PROBLEM STATEMENT: A single number is the answer: the count of lines in these records with "IFCPOLYGONALFACESET" in them.

[Stored data]
════════════════

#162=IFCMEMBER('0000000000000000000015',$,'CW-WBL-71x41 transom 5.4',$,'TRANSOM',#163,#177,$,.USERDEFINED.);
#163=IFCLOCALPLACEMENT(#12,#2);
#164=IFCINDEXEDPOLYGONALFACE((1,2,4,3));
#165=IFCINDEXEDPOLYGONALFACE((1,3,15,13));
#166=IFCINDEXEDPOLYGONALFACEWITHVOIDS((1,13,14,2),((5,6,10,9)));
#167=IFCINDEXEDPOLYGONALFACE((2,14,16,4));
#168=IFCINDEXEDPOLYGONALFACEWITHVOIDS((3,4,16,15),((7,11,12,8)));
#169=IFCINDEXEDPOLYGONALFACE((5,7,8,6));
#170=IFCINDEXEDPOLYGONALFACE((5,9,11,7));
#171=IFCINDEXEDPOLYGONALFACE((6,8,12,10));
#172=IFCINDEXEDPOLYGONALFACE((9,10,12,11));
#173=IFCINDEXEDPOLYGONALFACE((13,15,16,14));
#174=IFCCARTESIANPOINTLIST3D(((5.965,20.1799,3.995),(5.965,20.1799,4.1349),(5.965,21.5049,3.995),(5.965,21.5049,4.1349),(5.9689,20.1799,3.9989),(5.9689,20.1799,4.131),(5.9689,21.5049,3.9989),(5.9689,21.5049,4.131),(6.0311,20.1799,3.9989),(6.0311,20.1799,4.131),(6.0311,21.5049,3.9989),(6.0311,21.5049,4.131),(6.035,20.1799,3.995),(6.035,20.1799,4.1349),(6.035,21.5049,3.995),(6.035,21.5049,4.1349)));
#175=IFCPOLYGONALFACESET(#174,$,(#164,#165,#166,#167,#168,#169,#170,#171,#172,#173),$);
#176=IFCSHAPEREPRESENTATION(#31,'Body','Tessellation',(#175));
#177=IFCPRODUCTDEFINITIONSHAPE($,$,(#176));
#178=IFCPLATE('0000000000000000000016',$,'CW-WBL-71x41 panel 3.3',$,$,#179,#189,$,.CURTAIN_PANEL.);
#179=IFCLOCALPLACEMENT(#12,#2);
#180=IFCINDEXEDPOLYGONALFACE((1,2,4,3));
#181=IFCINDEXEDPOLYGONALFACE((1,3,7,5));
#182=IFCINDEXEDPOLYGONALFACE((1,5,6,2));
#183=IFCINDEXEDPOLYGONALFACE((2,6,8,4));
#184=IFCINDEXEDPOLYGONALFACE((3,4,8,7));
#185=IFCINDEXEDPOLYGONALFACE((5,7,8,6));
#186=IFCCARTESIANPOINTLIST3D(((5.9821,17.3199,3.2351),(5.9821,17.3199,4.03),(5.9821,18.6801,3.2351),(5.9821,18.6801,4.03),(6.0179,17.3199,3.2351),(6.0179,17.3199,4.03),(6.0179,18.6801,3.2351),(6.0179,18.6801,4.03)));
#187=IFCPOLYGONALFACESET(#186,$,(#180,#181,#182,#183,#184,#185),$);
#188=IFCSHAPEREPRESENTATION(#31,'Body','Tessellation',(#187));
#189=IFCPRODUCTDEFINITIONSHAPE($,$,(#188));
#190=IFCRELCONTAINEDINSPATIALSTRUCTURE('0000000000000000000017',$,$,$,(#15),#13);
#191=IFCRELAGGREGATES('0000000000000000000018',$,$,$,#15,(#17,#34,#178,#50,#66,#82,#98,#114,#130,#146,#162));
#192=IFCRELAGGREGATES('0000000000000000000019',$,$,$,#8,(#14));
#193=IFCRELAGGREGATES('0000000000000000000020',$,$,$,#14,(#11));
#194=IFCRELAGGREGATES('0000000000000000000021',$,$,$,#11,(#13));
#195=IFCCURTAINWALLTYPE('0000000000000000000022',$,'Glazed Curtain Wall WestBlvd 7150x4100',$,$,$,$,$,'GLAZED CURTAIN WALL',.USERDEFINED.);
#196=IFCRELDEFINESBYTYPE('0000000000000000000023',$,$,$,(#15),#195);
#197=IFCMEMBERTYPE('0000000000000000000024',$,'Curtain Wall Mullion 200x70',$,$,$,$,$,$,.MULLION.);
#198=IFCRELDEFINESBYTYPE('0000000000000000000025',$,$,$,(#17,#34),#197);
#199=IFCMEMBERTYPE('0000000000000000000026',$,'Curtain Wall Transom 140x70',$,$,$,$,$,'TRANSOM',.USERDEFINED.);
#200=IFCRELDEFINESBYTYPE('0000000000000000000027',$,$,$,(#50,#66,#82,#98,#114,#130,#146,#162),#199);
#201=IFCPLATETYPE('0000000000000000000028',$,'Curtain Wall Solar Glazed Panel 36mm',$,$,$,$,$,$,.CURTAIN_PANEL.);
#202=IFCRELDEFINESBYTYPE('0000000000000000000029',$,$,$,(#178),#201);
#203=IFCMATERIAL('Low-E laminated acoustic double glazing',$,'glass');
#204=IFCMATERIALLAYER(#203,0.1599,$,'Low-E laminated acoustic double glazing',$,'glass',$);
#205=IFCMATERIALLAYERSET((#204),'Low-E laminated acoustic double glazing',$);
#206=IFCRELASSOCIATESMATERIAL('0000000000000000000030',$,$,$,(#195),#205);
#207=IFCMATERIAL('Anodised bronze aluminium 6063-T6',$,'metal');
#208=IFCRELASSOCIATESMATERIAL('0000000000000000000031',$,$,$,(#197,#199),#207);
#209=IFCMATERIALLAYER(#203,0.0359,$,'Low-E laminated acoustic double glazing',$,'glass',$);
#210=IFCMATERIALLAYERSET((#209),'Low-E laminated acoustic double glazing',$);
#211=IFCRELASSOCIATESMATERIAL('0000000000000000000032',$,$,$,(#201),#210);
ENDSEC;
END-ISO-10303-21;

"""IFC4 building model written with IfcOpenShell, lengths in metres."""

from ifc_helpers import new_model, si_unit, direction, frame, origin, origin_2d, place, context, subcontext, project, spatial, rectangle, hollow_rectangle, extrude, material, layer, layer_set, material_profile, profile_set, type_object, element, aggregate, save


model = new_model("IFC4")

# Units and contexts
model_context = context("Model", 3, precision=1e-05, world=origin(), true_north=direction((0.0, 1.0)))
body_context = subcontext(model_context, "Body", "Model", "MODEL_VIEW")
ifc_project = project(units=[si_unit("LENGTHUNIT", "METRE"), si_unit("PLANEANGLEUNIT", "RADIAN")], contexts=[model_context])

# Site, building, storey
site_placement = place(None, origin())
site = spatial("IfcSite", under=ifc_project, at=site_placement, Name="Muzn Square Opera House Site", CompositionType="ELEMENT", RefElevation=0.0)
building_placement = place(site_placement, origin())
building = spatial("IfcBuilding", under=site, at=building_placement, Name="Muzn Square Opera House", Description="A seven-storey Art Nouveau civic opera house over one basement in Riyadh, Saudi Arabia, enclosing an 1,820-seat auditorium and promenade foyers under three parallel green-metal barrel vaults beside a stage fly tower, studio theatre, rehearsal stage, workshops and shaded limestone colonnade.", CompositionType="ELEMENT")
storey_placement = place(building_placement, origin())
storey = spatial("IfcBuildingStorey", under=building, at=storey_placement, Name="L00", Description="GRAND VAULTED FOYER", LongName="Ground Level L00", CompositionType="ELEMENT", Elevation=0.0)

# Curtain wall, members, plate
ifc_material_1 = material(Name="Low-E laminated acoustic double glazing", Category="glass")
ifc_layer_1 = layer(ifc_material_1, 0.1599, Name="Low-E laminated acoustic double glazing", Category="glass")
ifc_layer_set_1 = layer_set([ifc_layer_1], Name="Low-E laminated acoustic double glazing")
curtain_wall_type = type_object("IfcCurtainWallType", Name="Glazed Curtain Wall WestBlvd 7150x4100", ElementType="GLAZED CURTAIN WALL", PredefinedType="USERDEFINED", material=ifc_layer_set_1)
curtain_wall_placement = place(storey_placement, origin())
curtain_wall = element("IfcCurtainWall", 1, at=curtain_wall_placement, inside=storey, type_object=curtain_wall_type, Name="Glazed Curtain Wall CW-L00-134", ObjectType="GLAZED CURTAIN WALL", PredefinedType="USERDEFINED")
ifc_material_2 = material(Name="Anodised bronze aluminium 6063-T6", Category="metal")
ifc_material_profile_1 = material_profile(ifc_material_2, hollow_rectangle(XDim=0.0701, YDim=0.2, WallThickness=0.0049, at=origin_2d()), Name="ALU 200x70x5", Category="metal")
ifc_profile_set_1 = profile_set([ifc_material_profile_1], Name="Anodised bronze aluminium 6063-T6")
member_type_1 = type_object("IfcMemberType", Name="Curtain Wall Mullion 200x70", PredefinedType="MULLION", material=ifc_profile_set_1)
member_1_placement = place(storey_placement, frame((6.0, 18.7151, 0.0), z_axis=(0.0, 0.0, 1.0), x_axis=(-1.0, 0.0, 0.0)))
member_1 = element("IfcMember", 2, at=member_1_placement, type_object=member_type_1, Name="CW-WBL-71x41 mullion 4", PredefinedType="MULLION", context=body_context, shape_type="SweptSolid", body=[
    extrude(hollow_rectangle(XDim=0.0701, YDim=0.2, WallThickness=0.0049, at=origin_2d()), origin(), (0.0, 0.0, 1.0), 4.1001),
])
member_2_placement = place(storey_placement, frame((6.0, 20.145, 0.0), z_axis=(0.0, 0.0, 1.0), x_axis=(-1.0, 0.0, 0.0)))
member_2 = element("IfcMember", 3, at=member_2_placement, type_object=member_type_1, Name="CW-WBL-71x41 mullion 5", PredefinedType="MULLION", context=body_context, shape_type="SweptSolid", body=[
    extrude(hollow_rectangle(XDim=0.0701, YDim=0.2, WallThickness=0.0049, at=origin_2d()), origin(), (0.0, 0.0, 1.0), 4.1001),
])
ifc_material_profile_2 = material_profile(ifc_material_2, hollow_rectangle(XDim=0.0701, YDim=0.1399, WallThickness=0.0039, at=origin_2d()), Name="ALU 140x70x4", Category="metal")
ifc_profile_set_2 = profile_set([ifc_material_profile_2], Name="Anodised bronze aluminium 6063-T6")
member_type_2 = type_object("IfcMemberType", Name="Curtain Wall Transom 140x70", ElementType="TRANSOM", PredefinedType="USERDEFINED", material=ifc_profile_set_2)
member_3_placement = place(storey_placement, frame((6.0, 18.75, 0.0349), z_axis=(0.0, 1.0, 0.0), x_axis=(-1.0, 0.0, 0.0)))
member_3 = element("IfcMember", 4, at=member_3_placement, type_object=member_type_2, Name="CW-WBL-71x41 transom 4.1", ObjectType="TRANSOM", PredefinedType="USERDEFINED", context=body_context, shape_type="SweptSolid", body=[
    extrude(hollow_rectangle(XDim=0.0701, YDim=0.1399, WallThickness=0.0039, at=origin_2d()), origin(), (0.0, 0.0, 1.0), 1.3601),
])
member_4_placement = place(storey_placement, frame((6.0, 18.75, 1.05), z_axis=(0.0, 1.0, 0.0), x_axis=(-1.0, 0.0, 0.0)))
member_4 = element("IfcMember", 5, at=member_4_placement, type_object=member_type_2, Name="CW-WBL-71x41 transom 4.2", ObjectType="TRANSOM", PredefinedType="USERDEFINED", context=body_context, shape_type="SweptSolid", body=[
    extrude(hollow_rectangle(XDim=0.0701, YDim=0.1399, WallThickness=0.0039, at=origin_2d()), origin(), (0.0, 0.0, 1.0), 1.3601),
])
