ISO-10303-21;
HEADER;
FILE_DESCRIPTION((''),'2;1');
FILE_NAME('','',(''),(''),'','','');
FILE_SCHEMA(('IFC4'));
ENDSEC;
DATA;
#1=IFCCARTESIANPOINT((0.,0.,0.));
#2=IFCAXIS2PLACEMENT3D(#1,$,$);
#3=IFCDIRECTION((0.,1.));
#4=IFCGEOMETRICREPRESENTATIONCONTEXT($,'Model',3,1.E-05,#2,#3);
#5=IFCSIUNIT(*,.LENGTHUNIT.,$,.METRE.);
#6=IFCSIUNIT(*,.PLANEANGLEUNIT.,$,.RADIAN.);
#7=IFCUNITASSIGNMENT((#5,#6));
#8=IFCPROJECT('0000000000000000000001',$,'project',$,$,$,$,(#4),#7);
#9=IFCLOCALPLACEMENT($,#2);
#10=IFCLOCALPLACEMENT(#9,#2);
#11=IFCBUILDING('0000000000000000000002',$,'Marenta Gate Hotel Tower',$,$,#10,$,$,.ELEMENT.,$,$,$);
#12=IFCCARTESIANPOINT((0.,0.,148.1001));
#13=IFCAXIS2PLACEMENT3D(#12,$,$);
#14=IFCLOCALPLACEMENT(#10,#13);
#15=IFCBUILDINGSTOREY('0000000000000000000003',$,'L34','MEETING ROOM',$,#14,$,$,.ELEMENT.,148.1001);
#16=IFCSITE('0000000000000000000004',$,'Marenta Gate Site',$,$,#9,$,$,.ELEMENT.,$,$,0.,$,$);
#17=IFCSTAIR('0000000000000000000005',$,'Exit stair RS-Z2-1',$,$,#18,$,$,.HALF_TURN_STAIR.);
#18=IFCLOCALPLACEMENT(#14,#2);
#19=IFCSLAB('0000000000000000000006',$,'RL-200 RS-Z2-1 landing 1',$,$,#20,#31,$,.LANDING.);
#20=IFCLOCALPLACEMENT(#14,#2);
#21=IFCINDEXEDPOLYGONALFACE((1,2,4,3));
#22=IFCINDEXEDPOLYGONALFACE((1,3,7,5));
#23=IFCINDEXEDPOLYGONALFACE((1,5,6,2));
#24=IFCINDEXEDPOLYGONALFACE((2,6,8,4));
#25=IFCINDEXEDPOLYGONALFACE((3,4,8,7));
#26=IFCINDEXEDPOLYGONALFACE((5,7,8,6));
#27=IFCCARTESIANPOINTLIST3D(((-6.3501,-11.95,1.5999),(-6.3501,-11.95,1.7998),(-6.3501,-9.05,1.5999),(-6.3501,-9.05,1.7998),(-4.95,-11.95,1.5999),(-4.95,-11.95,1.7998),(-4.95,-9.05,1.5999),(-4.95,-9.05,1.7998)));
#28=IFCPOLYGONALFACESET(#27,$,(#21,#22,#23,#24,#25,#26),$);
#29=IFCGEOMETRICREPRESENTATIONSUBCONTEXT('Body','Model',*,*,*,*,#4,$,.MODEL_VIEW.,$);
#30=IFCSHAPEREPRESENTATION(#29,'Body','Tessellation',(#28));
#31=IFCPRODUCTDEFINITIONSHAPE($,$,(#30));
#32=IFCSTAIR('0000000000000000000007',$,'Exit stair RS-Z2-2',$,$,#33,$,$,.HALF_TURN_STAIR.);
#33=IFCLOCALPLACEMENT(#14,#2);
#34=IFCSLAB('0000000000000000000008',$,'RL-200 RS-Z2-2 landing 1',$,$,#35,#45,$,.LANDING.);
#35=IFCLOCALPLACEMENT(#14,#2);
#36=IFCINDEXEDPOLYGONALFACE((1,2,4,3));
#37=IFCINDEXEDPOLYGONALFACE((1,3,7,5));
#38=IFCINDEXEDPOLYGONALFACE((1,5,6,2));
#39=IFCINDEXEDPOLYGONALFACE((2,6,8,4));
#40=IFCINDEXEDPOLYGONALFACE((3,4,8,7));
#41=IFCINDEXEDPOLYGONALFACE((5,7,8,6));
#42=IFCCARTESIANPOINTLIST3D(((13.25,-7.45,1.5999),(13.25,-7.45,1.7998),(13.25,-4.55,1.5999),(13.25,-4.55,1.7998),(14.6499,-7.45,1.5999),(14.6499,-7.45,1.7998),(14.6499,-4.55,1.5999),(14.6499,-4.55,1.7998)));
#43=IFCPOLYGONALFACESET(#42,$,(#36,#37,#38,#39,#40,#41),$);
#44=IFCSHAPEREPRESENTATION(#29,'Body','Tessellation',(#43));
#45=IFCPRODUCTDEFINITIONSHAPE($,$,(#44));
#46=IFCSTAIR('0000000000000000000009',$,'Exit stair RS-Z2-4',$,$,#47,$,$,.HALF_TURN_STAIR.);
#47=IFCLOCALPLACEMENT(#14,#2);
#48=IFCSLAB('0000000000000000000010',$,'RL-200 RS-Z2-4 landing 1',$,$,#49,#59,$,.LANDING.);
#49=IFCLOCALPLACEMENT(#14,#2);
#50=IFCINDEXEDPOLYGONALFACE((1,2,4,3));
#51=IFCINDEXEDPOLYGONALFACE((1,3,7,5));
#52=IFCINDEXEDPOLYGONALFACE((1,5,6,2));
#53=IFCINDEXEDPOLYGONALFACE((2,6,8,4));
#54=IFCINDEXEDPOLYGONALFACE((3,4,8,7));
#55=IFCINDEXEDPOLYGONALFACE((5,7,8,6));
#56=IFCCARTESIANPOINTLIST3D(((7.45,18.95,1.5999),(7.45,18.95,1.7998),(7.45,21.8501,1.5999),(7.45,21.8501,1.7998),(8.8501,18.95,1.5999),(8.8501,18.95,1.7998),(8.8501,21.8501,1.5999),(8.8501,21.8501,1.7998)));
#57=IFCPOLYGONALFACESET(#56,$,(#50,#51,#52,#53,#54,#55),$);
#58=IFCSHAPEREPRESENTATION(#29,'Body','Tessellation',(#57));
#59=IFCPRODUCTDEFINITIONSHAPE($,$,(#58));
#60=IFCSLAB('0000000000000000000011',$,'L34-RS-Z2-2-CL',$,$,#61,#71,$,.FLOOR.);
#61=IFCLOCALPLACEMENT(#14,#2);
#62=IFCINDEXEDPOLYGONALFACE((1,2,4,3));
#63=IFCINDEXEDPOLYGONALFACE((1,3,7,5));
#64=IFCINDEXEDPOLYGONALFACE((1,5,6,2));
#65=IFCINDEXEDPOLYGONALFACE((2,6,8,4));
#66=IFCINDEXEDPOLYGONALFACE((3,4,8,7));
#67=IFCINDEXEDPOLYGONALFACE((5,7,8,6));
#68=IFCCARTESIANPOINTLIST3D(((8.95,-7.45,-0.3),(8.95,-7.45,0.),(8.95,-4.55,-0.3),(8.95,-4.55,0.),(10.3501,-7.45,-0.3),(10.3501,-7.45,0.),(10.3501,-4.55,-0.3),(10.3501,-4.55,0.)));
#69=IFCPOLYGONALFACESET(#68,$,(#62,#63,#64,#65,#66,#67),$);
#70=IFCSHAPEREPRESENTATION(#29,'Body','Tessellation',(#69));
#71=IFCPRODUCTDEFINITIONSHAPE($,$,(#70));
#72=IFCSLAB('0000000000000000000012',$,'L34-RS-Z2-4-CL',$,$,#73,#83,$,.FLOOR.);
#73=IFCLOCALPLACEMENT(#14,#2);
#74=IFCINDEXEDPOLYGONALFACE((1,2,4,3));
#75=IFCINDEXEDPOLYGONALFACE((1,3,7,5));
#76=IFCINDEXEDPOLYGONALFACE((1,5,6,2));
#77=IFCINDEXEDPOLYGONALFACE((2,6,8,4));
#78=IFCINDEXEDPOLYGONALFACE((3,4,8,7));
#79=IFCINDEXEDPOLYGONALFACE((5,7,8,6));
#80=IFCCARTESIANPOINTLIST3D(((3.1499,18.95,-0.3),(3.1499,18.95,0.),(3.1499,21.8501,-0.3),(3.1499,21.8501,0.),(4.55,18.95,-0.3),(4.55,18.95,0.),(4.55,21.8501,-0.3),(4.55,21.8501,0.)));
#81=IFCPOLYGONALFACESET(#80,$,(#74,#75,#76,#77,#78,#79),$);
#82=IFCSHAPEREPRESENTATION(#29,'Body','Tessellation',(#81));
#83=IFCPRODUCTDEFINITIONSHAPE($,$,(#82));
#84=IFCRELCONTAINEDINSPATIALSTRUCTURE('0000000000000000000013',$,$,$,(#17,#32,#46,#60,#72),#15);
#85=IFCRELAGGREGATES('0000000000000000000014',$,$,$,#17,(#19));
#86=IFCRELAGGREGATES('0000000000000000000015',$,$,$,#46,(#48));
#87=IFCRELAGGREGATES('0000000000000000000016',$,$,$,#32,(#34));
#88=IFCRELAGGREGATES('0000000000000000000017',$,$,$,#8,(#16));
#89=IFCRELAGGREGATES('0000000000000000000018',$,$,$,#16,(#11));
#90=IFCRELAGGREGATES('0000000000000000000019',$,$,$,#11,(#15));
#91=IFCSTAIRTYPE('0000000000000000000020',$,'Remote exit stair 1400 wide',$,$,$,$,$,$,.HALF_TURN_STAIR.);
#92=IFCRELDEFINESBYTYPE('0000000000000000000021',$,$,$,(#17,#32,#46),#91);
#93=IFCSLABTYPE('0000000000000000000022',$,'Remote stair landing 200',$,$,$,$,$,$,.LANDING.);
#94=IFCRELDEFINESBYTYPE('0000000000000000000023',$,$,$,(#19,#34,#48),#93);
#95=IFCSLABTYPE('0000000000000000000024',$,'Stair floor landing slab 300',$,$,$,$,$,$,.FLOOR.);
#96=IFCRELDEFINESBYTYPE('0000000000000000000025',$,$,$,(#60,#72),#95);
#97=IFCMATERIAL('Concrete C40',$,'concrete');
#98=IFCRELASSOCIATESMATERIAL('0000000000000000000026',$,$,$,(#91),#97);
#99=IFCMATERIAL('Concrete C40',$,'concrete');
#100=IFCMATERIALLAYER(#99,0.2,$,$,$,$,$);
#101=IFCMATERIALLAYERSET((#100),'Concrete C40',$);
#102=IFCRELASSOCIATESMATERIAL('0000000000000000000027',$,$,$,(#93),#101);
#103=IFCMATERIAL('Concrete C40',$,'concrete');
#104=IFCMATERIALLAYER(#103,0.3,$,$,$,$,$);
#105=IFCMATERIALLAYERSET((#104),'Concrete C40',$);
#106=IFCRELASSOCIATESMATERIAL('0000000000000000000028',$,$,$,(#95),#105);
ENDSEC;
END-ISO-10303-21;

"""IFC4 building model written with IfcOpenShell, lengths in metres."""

from ifc_helpers import new_model, si_unit, direction, frame, origin, place, context, subcontext, project, spatial, polyline, outline, extrude, material, layer, layer_set, type_object, element, aggregate, save


model = new_model("IFC4")

# Units and contexts
model_context = context("Model", 3, precision=1e-05, world=origin(), true_north=direction((0.0, 1.0)))
body_context = subcontext(model_context, "Body", "Model", "MODEL_VIEW")
ifc_project = project(units=[si_unit("LENGTHUNIT", "METRE"), si_unit("PLANEANGLEUNIT", "RADIAN")], contexts=[model_context])

# Site, building, storey
site_placement = place(None, origin())
site = spatial("IfcSite", under=ifc_project, at=site_placement, Name="Marenta Gate Site", CompositionType="ELEMENT", RefElevation=0.0)
building_placement = place(site_placement, origin())
building = spatial("IfcBuilding", under=site, at=building_placement, Name="Marenta Gate Hotel Tower", CompositionType="ELEMENT")
storey_placement = place(building_placement, frame((0.0, 0.0, 148.1001)))
storey = spatial("IfcBuildingStorey", under=building, at=storey_placement, Name="L34", Description="MEETING ROOM", CompositionType="ELEMENT", Elevation=148.1001)

# Stairs, slabs
ifc_material_1 = material(Name="Concrete C40", Category="concrete")
stair_type = type_object("IfcStairType", Name="Remote exit stair 1400 wide", PredefinedType="HALF_TURN_STAIR", material=ifc_material_1)
stair_1_placement = place(storey_placement, origin())
stair_1 = element("IfcStair", 1, at=stair_1_placement, inside=storey, type_object=stair_type, Name="Exit stair RS-Z2-1", PredefinedType="HALF_TURN_STAIR")
ifc_material_2 = material(Name="Concrete C40", Category="concrete")
ifc_layer_1 = layer(ifc_material_2, 0.2)
ifc_layer_set_1 = layer_set([ifc_layer_1], Name="Concrete C40")
slab_type_1 = type_object("IfcSlabType", Name="Remote stair landing 200", PredefinedType="LANDING", material=ifc_layer_set_1)
slab_1_placement = place(storey_placement, frame((0.0, 0.0, 1.5999)))
slab_1 = element("IfcSlab", 2, at=slab_1_placement, type_object=slab_type_1, Name="RL-200 RS-Z2-1 landing 1", PredefinedType="LANDING", context=body_context, shape_type="SweptSolid", body=[
    extrude(outline(polyline([(-6.3501, -11.95), (-4.95, -11.95), (-4.95, -9.05), (-6.3501, -9.05), (-6.3501, -11.95)])), origin(), (0.0, 0.0, 1.0), 0.2),
])
aggregate(stair_1, [slab_1])
stair_2_placement = place(storey_placement, origin())
stair_2 = element("IfcStair", 3, at=stair_2_placement, inside=storey, type_object=stair_type, Name="Exit stair RS-Z2-2", PredefinedType="HALF_TURN_STAIR")
slab_2_placement = place(storey_placement, frame((0.0, 0.0, 1.5999)))
slab_2 = element("IfcSlab", 4, at=slab_2_placement, type_object=slab_type_1, Name="RL-200 RS-Z2-2 landing 1", PredefinedType="LANDING", context=body_context, shape_type="SweptSolid", body=[
    extrude(outline(polyline([(13.25, -7.45), (14.6499, -7.45), (14.6499, -4.55), (13.25, -4.55), (13.25, -7.45)])), origin(), (0.0, 0.0, 1.0), 0.2),
])
stair_3_placement = place(storey_placement, origin())
stair_3 = element("IfcStair", 5, at=stair_3_placement, inside=storey, type_object=stair_type, Name="Exit stair RS-Z2-4", PredefinedType="HALF_TURN_STAIR")
slab_3_placement = place(storey_placement, frame((0.0, 0.0, 1.5999)))
slab_3 = element("IfcSlab", 6, at=slab_3_placement, type_object=slab_type_1, Name="RL-200 RS-Z2-4 landing 1", PredefinedType="LANDING", context=body_context, shape_type="SweptSolid", body=[
    extrude(outline(polyline([(7.45, 18.95), (8.8501, 18.95), (8.8501, 21.8501), (7.45, 21.8501), (7.45, 18.95)])), origin(), (0.0, 0.0, 1.0), 0.2),
])
aggregate(stair_3, [slab_3])

# Slabs
ifc_material_3 = material(Name="Concrete C40", Category="concrete")
ifc_layer_2 = layer(ifc_material_3, 0.3)
ifc_layer_set_2 = layer_set([ifc_layer_2], Name="Concrete C40")
slab_type_2 = type_object("IfcSlabType", Name="Stair floor landing slab 300", PredefinedType="FLOOR", material=ifc_layer_set_2)
slab_4_placement = place(storey_placement, frame((0.0, 0.0, -0.3)))
element("IfcSlab", 7, at=slab_4_placement, inside=storey, type_object=slab_type_2, Name="L34-RS-Z2-2-CL", PredefinedType="FLOOR", context=body_context, shape_type="SweptSolid", body=[
    extrude(outline(polyline([(10.3501, -7.45), (10.3501, -4.55), (8.95, -4.55), (8.95, -7.45), (10.3501, -7.45)])), origin(), (0.0, 0.0, 1.0), 0.3),
])
slab_5_placement = place(storey_placement, frame((0.0, 0.0, -0.3)))
element("IfcSlab", 8, at=slab_5_placement, inside=storey, type_object=slab_type_2, Name="L34-RS-Z2-4-CL", PredefinedType="FLOOR", context=body_context, shape_type="SweptSolid", body=[
    extrude(outline(polyline([(4.55, 18.95), (4.55, 21.8501), (3.1499, 21.8501), (3.1499, 18.95), (4.55, 18.95)])), origin(), (0.0, 0.0, 1.0), 0.3),
])

aggregate(stair_2, [slab_2])

save(model, "model.ifc")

════════════════

SOLUTION TO THIS EXERCISE: 7